┌────────

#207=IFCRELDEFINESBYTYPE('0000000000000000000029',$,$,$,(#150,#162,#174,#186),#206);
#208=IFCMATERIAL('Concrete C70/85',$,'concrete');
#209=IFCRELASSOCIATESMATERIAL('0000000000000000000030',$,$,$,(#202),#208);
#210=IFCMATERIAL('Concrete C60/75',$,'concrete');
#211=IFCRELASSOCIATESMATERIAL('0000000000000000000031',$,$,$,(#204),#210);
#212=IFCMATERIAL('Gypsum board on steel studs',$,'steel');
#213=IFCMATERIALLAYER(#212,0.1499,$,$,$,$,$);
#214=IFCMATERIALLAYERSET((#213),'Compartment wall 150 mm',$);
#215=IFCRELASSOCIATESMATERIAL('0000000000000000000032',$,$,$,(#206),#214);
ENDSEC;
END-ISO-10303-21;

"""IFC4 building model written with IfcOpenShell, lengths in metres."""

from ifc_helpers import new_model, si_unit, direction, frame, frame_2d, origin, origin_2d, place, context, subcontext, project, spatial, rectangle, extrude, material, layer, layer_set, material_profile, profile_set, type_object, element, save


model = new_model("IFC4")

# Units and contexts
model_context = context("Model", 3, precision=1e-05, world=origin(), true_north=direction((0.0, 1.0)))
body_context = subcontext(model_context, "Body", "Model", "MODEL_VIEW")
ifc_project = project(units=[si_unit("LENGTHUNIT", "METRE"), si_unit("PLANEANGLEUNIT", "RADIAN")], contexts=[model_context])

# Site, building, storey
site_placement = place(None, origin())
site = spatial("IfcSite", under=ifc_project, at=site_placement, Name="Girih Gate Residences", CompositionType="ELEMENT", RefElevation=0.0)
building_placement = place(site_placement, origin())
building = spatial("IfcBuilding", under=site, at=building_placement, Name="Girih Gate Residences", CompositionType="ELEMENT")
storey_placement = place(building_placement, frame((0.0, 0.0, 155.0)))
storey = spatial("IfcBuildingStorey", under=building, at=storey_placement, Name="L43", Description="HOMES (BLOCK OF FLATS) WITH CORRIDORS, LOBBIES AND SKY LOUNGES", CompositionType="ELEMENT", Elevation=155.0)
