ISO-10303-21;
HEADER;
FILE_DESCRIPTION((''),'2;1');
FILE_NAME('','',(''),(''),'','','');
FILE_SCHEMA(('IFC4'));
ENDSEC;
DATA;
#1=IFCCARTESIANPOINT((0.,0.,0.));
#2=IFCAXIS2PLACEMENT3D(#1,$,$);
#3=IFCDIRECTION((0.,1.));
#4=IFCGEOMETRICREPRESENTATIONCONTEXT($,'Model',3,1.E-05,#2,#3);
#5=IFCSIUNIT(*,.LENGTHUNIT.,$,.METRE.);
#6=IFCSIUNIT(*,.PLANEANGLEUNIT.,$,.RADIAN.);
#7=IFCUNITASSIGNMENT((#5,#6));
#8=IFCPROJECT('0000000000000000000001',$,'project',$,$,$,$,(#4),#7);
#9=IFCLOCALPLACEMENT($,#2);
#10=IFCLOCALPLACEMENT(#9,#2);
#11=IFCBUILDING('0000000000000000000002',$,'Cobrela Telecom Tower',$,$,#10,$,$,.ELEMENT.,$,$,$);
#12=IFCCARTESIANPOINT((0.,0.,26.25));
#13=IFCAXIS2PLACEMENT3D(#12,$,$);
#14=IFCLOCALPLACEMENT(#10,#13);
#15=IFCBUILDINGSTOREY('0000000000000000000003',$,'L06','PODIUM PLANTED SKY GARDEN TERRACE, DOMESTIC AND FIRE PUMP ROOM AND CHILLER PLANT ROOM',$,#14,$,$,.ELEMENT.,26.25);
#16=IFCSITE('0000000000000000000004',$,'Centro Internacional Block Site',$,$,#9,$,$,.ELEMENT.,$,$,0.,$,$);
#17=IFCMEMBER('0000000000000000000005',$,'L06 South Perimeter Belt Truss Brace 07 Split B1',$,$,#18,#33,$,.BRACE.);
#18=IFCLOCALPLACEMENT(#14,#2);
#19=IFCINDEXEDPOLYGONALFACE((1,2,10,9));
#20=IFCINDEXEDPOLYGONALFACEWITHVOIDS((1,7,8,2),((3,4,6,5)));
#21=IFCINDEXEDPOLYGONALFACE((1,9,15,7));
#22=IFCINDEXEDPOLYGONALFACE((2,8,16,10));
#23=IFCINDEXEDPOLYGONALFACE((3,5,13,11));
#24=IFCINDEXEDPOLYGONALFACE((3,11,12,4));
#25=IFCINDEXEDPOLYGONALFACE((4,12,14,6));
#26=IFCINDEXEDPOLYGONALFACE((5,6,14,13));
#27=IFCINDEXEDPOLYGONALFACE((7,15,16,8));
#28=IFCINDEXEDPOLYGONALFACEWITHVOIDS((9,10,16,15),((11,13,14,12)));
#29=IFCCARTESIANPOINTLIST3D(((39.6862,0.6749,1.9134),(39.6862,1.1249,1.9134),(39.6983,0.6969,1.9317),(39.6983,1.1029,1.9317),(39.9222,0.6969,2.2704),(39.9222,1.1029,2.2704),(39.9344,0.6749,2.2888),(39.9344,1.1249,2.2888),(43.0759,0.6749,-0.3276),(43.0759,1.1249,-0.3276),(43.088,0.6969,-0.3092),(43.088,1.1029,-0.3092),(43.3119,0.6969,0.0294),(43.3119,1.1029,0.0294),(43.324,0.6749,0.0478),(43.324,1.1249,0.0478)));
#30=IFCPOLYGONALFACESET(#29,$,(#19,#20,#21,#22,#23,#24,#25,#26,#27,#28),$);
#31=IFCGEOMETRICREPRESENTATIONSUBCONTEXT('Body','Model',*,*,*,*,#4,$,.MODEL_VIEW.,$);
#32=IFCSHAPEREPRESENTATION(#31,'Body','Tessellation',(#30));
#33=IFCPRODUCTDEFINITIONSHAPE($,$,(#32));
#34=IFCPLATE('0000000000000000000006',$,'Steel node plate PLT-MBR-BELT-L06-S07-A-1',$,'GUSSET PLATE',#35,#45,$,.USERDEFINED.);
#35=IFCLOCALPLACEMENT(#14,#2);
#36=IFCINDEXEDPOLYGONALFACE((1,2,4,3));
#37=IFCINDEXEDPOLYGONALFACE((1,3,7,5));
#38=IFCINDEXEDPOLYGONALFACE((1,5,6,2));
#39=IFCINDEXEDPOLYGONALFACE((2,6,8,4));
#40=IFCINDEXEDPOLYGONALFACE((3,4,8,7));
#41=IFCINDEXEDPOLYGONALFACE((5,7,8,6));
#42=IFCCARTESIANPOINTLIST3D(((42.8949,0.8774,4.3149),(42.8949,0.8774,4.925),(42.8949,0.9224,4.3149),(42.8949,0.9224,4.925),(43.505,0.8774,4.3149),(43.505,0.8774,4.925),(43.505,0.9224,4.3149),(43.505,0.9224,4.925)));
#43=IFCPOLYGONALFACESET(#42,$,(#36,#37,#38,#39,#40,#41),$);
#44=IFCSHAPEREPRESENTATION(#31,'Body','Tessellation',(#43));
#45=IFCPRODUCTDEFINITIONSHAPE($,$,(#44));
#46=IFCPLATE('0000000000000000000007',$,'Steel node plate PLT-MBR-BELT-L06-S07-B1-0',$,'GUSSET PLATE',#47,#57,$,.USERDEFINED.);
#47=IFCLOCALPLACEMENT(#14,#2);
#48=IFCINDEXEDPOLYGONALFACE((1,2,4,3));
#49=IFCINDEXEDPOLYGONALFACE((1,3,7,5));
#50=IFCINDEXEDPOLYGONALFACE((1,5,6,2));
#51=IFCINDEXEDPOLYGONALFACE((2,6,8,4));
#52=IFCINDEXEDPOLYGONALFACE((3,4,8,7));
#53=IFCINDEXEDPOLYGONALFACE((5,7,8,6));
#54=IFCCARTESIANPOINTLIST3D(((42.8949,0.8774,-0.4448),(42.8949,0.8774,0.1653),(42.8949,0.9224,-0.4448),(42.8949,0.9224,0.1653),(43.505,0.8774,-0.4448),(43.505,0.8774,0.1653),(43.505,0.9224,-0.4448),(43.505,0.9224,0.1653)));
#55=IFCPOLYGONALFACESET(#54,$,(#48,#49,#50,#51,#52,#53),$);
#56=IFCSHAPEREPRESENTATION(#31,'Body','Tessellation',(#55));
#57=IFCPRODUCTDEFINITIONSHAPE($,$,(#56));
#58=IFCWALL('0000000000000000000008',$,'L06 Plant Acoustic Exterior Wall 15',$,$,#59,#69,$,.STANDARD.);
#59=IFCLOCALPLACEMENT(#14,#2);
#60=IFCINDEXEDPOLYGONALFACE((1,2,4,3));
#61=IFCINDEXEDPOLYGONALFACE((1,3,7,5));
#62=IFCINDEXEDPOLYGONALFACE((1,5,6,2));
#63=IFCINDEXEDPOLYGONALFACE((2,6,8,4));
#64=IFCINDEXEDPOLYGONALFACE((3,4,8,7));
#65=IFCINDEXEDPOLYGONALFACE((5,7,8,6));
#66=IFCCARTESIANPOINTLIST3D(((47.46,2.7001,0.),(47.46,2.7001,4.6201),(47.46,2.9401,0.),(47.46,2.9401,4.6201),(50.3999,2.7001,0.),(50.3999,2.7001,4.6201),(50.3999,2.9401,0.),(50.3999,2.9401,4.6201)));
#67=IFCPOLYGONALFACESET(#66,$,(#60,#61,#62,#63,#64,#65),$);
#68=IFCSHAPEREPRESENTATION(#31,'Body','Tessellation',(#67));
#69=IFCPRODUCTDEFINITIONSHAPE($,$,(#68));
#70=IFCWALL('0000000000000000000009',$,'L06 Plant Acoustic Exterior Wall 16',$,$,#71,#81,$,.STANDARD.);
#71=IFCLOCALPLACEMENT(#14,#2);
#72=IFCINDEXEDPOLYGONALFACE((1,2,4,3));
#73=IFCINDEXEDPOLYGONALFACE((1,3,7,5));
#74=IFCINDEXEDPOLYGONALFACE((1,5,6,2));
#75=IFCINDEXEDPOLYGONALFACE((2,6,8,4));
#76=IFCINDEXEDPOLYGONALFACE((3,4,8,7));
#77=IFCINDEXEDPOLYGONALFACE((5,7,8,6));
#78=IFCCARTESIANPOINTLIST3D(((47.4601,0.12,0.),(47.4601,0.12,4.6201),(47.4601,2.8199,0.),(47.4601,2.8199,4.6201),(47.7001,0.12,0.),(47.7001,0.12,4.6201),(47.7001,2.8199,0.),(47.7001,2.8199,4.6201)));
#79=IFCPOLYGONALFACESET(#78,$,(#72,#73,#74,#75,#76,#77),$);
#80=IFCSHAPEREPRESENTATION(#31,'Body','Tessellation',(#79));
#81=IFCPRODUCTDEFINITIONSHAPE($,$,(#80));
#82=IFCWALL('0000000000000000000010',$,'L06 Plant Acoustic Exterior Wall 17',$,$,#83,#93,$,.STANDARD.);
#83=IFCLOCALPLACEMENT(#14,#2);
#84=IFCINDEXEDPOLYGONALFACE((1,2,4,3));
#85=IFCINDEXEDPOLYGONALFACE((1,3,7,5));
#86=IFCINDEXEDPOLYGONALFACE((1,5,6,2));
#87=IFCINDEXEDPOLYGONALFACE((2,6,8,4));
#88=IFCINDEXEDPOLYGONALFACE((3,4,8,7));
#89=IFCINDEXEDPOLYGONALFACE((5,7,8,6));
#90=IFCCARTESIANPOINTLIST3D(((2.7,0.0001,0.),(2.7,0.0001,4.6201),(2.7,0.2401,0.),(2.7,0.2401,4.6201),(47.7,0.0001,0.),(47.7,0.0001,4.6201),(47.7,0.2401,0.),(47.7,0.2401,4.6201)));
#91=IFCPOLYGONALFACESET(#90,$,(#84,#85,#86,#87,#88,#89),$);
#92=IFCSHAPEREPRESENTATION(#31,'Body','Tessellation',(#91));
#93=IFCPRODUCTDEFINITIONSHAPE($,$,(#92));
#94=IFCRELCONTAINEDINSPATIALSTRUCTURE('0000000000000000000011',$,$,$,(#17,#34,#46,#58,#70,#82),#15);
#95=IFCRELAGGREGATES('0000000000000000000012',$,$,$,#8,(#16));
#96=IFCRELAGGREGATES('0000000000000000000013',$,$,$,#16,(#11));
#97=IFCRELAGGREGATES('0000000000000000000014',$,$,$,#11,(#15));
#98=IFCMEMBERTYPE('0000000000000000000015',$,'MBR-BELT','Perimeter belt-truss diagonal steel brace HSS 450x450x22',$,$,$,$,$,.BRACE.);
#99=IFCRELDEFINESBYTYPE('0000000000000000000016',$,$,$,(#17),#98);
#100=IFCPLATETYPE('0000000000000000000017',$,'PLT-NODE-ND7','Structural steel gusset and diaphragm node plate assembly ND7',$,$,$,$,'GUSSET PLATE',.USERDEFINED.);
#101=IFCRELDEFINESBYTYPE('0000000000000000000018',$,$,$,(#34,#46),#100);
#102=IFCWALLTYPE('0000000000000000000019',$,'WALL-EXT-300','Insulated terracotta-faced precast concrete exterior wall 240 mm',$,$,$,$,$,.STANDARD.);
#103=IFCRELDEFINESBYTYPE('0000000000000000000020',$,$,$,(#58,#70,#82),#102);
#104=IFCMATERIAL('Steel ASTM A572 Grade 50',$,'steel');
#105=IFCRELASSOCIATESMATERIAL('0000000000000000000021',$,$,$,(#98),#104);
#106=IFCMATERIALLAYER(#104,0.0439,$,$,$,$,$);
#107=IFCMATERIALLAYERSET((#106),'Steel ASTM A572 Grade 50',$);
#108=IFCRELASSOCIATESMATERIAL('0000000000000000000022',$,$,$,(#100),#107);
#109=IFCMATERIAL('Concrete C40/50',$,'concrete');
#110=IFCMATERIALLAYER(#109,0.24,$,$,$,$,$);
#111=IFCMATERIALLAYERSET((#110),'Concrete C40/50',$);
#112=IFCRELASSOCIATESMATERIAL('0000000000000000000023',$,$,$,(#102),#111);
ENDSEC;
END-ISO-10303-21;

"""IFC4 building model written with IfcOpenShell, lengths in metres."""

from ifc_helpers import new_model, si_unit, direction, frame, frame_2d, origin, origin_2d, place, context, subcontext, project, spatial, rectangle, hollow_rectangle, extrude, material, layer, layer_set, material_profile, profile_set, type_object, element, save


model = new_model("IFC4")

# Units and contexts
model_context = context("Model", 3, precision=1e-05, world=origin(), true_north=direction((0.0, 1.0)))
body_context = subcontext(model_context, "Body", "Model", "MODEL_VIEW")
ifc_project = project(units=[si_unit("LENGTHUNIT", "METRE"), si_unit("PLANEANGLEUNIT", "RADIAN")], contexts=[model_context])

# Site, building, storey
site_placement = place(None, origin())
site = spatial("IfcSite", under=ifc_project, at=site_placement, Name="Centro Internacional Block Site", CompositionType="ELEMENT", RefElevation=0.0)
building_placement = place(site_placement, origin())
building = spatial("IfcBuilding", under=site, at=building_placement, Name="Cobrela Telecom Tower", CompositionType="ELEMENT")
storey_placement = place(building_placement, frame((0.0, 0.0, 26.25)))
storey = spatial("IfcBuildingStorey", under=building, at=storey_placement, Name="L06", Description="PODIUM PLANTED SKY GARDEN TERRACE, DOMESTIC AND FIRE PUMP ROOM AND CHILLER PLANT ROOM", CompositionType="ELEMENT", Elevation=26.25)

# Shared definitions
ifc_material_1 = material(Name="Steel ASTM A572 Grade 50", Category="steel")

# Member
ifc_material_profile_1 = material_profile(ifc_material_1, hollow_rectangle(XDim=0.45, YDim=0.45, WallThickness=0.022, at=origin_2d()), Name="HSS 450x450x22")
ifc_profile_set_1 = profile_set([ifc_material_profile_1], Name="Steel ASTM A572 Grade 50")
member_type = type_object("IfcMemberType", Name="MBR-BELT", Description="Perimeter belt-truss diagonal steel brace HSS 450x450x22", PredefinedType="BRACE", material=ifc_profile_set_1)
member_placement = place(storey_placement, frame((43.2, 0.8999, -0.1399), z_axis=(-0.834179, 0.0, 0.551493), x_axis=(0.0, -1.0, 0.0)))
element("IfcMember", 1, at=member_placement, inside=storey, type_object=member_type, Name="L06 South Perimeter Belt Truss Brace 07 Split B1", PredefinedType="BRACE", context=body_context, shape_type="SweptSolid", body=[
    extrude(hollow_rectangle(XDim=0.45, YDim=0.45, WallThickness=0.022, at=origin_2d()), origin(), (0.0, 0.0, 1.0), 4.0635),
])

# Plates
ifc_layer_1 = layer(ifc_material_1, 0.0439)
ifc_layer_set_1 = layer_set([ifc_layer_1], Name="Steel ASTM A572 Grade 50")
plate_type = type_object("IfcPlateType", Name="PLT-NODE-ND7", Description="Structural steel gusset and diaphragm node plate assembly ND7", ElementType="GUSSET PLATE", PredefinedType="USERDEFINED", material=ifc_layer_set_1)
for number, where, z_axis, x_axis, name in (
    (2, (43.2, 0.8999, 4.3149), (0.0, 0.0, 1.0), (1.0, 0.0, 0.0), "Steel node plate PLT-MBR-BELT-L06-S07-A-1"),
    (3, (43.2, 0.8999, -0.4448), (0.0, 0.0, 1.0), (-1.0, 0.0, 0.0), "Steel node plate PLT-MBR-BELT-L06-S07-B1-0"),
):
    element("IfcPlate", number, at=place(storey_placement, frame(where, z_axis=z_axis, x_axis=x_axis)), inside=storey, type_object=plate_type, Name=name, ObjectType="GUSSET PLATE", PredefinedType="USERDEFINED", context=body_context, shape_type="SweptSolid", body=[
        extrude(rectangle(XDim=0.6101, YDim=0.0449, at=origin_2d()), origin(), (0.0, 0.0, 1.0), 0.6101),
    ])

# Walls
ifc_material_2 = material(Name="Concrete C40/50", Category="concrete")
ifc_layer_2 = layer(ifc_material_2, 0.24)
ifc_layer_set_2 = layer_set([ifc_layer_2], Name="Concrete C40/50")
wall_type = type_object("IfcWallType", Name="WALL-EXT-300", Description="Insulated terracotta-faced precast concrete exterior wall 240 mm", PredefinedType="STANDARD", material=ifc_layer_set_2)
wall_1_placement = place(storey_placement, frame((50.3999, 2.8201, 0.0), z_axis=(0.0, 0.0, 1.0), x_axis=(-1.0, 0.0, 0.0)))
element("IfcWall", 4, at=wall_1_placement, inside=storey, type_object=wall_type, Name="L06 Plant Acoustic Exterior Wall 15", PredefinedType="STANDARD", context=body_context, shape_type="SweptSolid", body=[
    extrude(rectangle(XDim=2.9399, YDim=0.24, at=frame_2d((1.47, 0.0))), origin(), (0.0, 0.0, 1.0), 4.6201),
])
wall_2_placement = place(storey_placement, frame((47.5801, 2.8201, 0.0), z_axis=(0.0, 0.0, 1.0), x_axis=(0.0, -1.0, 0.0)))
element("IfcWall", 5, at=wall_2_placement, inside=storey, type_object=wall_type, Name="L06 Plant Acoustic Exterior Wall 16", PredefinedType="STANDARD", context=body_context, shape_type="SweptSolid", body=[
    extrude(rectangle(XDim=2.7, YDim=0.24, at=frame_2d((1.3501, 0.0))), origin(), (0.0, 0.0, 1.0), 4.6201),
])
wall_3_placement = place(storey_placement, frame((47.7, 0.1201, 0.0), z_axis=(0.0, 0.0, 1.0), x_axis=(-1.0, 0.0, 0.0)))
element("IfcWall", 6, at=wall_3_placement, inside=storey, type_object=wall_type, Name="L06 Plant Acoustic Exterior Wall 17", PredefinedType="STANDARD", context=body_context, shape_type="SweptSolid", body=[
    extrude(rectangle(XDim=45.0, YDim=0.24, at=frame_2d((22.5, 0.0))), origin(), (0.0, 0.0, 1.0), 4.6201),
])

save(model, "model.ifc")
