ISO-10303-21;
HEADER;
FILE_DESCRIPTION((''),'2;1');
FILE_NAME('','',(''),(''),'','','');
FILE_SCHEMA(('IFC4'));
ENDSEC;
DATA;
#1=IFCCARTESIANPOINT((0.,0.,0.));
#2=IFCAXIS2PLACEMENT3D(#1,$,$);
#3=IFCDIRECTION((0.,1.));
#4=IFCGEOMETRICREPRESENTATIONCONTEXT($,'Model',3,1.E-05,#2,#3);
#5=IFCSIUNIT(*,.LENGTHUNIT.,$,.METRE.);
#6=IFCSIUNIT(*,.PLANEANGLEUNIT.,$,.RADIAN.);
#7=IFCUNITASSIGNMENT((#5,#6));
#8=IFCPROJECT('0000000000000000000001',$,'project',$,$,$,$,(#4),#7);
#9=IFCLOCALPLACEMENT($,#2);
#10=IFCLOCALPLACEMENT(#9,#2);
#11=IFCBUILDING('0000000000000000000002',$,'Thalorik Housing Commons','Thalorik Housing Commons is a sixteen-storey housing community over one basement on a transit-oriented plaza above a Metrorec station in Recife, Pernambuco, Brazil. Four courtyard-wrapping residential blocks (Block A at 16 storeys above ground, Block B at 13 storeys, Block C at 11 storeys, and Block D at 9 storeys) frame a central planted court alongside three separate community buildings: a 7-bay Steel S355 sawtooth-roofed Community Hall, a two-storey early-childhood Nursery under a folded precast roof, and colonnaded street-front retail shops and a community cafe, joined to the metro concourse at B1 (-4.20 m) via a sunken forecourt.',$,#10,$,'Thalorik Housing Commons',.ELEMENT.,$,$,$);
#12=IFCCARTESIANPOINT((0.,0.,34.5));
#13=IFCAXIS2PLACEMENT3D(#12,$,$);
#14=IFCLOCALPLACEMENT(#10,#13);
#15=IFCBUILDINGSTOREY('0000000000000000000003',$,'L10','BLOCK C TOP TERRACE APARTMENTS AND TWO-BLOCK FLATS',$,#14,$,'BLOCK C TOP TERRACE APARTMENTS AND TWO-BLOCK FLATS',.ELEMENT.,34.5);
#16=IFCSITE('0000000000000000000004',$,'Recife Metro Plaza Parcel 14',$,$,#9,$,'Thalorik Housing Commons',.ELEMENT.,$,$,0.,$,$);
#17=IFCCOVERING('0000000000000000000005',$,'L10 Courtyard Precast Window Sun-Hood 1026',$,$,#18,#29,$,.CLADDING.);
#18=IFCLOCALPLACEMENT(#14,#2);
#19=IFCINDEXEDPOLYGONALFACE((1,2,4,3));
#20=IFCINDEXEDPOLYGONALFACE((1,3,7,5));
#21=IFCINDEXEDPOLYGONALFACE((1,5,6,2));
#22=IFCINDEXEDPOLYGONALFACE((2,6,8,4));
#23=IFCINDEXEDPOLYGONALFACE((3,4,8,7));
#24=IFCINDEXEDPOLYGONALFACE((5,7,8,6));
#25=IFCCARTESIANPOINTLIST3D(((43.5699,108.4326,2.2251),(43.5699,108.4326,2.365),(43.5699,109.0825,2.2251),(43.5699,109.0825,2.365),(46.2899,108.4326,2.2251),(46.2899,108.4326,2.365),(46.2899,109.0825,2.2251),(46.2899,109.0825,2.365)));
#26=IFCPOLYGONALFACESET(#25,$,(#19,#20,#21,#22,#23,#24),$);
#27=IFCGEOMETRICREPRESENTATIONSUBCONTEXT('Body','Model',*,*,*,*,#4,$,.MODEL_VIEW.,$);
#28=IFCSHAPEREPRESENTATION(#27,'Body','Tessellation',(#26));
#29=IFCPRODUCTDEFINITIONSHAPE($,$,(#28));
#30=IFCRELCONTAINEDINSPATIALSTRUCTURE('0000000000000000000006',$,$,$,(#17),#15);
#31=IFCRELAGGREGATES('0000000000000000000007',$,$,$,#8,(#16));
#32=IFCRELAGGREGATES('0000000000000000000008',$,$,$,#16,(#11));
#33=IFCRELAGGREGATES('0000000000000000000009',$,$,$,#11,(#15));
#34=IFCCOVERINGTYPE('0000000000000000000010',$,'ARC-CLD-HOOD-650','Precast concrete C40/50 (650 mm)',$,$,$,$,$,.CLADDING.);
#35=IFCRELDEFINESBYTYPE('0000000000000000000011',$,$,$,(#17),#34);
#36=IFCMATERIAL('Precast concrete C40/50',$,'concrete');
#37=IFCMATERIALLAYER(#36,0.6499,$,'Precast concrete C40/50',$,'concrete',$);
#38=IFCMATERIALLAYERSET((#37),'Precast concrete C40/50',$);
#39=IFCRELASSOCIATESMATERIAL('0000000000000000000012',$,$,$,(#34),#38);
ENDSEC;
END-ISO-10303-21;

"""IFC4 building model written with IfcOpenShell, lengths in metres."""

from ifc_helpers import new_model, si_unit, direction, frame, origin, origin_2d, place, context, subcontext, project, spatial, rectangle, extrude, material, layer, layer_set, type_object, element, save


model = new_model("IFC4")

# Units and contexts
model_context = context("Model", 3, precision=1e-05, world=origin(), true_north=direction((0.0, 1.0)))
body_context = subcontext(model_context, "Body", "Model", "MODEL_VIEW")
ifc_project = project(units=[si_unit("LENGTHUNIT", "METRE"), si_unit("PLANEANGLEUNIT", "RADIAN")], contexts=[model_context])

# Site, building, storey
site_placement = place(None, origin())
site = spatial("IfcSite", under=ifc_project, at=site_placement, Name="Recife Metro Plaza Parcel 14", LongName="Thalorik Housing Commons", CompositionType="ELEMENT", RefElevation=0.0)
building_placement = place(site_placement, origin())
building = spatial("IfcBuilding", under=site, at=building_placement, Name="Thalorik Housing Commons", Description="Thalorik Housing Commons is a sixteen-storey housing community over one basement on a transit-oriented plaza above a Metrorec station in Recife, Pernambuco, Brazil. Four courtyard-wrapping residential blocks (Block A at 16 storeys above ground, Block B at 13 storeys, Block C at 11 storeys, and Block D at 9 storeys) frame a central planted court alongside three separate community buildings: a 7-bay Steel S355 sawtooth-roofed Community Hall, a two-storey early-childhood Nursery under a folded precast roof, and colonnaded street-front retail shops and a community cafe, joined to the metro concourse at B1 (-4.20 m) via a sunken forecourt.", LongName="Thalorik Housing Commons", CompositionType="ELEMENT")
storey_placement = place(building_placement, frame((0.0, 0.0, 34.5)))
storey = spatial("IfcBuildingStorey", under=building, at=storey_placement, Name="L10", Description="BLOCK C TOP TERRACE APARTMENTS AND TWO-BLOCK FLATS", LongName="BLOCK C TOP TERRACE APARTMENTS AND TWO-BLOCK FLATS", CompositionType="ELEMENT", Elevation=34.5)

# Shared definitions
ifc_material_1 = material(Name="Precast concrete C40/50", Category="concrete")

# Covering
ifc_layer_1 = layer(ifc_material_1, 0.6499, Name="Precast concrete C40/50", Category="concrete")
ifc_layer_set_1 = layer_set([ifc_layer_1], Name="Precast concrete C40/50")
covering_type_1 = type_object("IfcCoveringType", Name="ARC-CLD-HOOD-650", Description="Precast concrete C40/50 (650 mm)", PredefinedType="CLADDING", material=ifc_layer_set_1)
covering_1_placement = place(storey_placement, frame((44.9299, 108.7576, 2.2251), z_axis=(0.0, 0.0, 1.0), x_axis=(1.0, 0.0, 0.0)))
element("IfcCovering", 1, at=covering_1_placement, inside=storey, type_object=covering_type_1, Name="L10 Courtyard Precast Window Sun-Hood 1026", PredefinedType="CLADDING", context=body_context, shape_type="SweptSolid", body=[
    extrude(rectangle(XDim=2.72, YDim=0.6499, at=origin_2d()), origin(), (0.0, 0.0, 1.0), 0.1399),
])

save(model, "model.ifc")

└────────

**What the task asks**
Reproduce the lines of the entries above from the one with "#85=IFCINDEXEDPOLYGONALFACE((1,3,7,5));" to the one with "#111=IFCMATERIALLAYERSET((#110),'Concrete C40/50',$);", both included, exactly and without any other line.

**Solution for this exercise**
#85=IFCINDEXEDPOLYGONALFACE((1,3,7,5));
#86=IFCINDEXEDPOLYGONALFACE((1,5,6,2));
#87=IFCINDEXEDPOLYGONALFACE((2,6,8,4));
#88=IFCINDEXEDPOLYGONALFACE((3,4,8,7));
#89=IFCINDEXEDPOLYGONALFACE((5,7,8,6));
#90=IFCCARTESIANPOINTLIST3D(((2.7,0.0001,0.),(2.7,0.0001,4.6201),(2.7,0.2401,0.),(2.7,0.2401,4.6201),(47.7,0.0001,0.),(47.7,0.0001,4.6201),(47.7,0.2401,0.),(47.7,0.2401,4.6201)));
#91=IFCPOLYGONALFACESET(#90,$,(#84,#85,#86,#87,#88,#89),$);
#92=IFCSHAPEREPRESENTATION(#31,'Body','Tessellation',(#91));
#93=IFCPRODUCTDEFINITIONSHAPE($,$,(#92));
#94=IFCRELCONTAINEDINSPATIALSTRUCTURE('0000000000000000000011',$,$,$,(#17,#34,#46,#58,#70,#82),#15);
#95=IFCRELAGGREGATES('0000000000000000000012',$,$,$,#8,(#16));
#96=IFCRELAGGREGATES('0000000000000000000013',$,$,$,#16,(#11));
#97=IFCRELAGGREGATES('0000000000000000000014',$,$,$,#11,(#15));
#98=IFCMEMBERTYPE('0000000000000000000015',$,'MBR-BELT','Perimeter belt-truss diagonal steel brace HSS 450x450x22',$,$,$,$,$,.BRACE.);
#99=IFCRELDEFINESBYTYPE('0000000000000000000016',$,$,$,(#17),#98);
#100=IFCPLATETYPE('0000000000000000000017',$,'PLT-NODE-ND7','Structural steel gusset and diaphragm node plate assembly ND7',$,$,$,$,'GUSSET PLATE',.USERDEFINED.);
#101=IFCRELDEFINESBYTYPE('0000000000000000000018',$,$,$,(#34,#46),#100);
#102=IFCWALLTYPE('0000000000000000000019',$,'WALL-EXT-300','Insulated terracotta-faced precast concrete exterior wall 240 mm',$,$,$,$,$,.STANDARD.);
#103=IFCRELDEFINESBYTYPE('0000000000000000000020',$,$,$,(#58,#70,#82),#102);
#104=IFCMATERIAL('Steel ASTM A572 Grade 50',$,'steel');
#105=IFCRELASSOCIATESMATERIAL('0000000000000000000021',$,$,$,(#98),#104);
#106=IFCMATERIALLAYER(#104,0.0439,$,$,$,$,$);
#107=IFCMATERIALLAYERSET((#106),'Steel ASTM A572 Grade 50',$);
#108=IFCRELASSOCIATESMATERIAL('0000000000000000000022',$,$,$,(#100),#107);
#109=IFCMATERIAL('Concrete C40/50',$,'concrete');
#110=IFCMATERIALLAYER(#109,0.24,$,$,$,$,$);
#111=IFCMATERIALLAYERSET((#110),'Concrete C40/50',$);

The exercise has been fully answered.